YOUR TASK
Read through the lines below and copy the ones holding the string "frame".

Collected data entries
--*--

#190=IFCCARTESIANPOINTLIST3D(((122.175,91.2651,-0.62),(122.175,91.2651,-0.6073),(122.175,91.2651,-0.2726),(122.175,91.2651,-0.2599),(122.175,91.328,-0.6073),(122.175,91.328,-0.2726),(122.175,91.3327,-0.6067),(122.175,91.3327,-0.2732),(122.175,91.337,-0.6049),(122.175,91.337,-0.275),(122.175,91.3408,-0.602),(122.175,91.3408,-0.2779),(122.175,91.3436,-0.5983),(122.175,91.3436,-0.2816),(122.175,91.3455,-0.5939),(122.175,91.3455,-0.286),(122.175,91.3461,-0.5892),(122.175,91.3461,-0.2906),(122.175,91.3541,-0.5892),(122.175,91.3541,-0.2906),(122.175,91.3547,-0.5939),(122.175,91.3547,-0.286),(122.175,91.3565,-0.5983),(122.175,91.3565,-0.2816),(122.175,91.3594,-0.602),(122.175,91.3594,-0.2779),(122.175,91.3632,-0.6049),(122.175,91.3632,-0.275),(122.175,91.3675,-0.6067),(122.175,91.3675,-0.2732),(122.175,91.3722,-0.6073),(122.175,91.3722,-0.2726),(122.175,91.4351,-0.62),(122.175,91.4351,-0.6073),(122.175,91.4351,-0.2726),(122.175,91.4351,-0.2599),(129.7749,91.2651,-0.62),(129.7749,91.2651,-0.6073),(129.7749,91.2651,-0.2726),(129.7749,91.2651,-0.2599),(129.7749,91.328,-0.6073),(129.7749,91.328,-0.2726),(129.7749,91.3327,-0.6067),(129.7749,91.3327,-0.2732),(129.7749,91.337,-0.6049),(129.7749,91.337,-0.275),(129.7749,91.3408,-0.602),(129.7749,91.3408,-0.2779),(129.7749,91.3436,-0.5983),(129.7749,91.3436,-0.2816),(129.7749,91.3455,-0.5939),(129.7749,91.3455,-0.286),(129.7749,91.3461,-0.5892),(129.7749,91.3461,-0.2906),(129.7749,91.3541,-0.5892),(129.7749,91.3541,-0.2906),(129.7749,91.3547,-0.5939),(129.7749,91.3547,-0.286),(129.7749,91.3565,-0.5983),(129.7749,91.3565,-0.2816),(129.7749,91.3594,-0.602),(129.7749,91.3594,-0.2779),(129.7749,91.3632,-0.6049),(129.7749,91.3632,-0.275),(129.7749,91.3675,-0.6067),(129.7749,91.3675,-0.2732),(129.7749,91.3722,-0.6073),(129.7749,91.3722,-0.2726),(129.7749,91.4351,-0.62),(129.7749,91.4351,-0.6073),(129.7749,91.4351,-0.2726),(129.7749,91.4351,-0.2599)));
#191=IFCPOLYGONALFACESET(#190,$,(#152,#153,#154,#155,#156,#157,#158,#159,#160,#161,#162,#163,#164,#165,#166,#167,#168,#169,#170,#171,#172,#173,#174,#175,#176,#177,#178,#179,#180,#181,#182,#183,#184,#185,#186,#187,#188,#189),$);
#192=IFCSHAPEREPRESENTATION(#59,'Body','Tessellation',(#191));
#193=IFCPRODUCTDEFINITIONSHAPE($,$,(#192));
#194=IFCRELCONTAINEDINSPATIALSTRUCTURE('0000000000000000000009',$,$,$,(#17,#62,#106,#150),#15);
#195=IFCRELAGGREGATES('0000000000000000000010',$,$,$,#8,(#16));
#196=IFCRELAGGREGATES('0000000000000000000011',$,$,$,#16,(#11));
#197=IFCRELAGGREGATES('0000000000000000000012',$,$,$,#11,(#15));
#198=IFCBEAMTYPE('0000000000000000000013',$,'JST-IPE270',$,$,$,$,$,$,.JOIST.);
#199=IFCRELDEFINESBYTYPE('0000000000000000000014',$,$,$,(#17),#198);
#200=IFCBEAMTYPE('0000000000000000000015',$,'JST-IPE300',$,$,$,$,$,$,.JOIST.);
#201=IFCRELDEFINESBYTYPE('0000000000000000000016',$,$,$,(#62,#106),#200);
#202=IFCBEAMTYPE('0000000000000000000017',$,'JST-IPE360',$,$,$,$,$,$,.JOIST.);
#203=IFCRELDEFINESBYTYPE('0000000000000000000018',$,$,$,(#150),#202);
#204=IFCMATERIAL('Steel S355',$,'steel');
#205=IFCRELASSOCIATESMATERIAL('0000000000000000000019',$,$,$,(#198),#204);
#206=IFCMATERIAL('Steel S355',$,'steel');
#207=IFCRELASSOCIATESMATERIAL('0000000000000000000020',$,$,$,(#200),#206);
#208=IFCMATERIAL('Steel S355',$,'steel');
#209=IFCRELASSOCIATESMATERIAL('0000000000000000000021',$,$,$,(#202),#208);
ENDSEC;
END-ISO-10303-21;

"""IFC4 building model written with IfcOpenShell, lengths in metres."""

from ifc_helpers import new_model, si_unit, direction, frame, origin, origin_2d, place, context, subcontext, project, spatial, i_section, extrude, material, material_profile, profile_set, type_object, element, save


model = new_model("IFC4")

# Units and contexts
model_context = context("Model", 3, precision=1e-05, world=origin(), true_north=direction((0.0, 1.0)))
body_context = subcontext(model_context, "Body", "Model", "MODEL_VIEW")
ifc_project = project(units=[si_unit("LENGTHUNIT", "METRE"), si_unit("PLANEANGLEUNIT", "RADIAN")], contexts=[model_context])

--*--

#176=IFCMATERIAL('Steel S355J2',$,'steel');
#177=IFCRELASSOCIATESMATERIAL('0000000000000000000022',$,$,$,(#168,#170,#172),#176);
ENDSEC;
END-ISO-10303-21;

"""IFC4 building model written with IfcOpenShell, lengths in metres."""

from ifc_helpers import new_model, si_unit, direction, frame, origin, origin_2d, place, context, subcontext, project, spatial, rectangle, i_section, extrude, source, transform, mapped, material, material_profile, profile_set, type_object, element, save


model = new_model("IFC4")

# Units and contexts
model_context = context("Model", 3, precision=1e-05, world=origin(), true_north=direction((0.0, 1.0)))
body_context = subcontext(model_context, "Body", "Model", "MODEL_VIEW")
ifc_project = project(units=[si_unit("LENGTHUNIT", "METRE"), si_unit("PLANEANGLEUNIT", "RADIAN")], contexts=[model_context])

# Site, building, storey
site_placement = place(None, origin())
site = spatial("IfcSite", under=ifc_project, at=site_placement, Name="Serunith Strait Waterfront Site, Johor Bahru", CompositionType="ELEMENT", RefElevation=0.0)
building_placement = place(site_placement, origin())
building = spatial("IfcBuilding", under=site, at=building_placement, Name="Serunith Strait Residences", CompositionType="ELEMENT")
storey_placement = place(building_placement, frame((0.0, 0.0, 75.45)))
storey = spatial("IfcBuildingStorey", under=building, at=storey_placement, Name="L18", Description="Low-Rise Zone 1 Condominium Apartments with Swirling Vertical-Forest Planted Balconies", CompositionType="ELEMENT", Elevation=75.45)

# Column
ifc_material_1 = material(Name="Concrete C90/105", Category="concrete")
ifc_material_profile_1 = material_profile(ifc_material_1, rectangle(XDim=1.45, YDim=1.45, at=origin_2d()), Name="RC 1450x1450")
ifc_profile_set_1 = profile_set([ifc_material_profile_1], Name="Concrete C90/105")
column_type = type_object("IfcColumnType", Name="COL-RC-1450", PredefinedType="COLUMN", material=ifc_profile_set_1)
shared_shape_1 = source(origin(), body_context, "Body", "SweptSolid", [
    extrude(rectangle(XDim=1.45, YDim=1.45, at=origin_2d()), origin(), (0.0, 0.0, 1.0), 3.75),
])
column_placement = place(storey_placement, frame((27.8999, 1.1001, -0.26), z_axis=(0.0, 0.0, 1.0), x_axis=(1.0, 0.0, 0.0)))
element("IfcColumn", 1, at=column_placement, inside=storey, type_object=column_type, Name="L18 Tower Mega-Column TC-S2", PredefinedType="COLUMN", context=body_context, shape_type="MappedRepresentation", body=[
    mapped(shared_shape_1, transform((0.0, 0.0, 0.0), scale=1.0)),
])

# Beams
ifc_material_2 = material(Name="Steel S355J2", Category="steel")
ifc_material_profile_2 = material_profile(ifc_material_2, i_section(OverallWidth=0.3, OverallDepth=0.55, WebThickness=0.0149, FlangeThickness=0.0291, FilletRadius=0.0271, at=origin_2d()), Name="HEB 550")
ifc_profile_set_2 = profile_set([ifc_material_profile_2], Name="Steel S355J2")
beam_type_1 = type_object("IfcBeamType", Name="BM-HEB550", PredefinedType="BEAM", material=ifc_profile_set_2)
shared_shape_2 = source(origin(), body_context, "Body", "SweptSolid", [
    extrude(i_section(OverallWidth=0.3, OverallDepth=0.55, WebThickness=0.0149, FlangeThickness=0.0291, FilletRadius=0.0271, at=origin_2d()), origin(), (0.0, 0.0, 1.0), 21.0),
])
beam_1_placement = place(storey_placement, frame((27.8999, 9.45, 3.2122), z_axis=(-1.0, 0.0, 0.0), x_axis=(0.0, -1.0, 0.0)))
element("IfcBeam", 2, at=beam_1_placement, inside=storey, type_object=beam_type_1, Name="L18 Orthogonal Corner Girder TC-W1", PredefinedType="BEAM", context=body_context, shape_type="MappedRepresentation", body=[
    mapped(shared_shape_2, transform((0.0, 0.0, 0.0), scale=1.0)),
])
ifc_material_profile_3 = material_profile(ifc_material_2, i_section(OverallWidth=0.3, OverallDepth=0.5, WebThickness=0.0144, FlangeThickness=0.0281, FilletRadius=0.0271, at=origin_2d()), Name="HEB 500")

--*--

ANSWER BELOW
from ifc_helpers import new_model, si_unit, direction, frame, origin, origin_2d, place, context, subcontext, project, spatial, i_section, extrude, material, material_profile, profile_set, type_object, element, save
from ifc_helpers import new_model, si_unit, direction, frame, origin, origin_2d, place, context, subcontext, project, spatial, rectangle, i_section, extrude, source, transform, mapped, material, material_profile, profile_set, type_object, element, save
storey_placement = place(building_placement, frame((0.0, 0.0, 75.45)))
column_placement = place(storey_placement, frame((27.8999, 1.1001, -0.26), z_axis=(0.0, 0.0, 1.0), x_axis=(1.0, 0.0, 0.0)))
beam_1_placement = place(storey_placement, frame((27.8999, 9.45, 3.2122), z_axis=(-1.0, 0.0, 0.0), x_axis=(0.0, -1.0, 0.0)))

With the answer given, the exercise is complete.